# EXERCISE PROMPT
Filter the entries beneath this task, copying only the lines that hold the word "transom".

# AVAILABLE DATA
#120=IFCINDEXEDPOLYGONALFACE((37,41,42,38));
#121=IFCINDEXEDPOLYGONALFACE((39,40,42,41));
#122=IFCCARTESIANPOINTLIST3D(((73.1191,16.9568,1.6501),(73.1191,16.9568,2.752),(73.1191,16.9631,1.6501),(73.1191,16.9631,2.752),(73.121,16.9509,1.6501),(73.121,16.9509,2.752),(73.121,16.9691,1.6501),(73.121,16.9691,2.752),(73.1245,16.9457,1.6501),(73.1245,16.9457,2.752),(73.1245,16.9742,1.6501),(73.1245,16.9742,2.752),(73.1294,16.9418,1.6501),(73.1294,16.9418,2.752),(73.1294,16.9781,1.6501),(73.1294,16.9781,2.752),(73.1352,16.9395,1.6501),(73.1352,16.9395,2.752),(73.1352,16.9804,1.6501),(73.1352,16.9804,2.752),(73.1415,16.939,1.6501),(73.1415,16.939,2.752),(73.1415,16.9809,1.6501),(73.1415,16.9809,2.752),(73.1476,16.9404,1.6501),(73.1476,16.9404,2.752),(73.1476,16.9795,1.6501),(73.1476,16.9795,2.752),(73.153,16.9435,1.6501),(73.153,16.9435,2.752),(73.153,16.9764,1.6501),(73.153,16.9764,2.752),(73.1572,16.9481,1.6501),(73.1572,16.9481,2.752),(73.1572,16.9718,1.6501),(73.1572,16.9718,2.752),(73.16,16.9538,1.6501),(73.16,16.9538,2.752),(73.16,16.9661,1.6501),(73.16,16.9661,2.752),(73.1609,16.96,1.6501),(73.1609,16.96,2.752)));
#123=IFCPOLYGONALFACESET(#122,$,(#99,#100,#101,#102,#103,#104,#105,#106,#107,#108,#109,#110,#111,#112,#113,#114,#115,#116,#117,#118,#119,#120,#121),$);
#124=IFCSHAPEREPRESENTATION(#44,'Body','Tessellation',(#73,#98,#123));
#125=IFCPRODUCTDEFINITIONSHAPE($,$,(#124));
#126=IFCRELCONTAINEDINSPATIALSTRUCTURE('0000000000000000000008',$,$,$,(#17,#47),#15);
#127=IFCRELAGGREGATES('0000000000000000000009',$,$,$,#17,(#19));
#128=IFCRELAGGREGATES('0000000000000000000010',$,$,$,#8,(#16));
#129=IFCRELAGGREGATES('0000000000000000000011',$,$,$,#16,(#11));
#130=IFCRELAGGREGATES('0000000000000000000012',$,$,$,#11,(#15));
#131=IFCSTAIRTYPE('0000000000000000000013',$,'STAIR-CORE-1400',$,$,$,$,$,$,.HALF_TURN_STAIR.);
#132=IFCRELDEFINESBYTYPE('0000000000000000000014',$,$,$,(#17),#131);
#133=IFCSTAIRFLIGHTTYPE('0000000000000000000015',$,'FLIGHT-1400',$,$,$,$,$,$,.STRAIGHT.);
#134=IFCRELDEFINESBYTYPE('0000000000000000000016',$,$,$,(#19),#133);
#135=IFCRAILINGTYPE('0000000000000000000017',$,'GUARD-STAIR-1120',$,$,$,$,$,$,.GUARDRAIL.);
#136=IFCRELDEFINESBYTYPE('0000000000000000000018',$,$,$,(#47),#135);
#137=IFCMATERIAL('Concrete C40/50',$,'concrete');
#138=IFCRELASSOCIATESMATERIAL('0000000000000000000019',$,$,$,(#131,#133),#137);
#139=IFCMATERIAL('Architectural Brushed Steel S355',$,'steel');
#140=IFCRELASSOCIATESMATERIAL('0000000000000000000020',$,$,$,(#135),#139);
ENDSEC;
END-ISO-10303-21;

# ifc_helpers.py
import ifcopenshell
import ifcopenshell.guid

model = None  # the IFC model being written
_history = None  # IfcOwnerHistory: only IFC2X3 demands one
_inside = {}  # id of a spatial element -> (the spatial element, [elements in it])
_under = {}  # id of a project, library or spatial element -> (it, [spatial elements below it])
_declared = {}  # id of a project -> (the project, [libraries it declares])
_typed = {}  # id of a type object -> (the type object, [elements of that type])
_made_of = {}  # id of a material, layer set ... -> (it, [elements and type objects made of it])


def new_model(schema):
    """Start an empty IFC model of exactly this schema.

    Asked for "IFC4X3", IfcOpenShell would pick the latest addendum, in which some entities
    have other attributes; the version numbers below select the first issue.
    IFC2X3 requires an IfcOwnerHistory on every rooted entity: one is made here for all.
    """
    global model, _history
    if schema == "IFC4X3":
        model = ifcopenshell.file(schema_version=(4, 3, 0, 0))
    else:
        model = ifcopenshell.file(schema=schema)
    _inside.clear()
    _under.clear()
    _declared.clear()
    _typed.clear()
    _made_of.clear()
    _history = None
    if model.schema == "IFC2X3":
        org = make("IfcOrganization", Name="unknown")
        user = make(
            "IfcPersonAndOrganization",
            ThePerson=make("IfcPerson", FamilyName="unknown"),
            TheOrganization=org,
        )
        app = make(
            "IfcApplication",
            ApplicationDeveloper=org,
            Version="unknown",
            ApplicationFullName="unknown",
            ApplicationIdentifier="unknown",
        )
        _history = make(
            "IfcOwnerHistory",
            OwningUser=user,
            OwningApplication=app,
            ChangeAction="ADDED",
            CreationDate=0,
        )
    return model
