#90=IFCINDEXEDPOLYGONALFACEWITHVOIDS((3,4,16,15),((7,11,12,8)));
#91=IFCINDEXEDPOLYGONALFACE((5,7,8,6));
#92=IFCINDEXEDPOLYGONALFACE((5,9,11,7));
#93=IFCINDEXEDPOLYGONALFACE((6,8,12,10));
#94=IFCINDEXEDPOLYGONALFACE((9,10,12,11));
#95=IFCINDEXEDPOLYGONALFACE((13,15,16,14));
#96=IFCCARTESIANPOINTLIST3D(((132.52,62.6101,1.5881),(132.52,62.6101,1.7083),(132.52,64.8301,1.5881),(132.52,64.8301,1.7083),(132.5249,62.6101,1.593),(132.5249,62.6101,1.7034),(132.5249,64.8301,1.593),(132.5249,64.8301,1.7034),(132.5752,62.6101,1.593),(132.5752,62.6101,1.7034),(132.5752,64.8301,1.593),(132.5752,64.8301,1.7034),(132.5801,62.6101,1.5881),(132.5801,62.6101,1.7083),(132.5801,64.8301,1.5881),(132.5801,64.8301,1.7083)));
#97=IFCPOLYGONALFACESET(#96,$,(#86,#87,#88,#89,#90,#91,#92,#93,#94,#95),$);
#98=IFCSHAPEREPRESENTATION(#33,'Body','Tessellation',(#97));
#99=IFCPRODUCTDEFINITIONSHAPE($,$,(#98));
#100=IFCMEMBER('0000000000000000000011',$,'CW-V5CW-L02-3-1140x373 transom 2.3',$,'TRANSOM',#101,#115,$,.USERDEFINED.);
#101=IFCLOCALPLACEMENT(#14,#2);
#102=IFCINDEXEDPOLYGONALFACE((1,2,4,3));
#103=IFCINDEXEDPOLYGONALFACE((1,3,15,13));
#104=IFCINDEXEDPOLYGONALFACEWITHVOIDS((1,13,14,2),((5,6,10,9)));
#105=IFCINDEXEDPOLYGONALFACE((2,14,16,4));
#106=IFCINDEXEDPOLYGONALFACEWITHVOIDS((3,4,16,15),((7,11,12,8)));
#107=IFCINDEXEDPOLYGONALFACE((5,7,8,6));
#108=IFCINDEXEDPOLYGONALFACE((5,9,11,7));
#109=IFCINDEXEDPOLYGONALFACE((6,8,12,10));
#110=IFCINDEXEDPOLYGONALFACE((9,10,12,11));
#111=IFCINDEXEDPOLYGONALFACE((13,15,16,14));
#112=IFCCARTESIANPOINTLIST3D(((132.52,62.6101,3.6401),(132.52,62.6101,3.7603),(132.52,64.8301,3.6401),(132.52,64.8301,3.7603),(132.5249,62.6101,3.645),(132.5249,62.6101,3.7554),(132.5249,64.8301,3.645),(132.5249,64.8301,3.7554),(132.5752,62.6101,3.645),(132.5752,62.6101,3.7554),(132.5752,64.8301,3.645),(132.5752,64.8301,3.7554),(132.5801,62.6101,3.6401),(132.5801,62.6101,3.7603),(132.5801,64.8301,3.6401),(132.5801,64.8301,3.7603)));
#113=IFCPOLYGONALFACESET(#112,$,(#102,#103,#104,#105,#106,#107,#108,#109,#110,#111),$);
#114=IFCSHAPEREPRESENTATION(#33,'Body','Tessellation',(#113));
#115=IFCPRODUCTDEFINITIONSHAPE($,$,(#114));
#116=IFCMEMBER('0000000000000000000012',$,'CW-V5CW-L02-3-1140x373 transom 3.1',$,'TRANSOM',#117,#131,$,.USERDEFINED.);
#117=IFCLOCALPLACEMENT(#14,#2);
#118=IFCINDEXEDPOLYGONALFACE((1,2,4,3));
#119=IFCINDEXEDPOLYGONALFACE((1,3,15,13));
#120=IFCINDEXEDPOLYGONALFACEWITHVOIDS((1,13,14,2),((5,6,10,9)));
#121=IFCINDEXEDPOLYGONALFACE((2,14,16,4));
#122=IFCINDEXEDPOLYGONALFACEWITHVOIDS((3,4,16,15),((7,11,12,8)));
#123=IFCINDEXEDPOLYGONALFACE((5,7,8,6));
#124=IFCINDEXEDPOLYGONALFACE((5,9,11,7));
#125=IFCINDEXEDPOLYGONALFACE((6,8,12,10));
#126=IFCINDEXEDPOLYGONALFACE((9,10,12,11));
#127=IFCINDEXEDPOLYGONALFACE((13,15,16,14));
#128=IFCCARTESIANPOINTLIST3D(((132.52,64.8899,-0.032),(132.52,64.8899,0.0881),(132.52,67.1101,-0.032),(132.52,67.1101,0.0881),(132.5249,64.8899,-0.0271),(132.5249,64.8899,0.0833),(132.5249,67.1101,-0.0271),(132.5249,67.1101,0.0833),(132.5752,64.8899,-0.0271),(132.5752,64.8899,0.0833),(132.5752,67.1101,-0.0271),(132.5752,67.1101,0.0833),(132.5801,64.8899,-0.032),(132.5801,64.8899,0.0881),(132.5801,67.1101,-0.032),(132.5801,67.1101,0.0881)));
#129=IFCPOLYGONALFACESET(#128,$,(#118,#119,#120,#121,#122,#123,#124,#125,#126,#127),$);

# WRITTEN ANSWER
#100=IFCMEMBER('0000000000000000000011',$,'CW-V5CW-L02-3-1140x373 transom 2.3',$,'TRANSOM',#101,#115,$,.USERDEFINED.);
#116=IFCMEMBER('0000000000000000000012',$,'CW-V5CW-L02-3-1140x373 transom 3.1',$,'TRANSOM',#117,#131,$,.USERDEFINED.);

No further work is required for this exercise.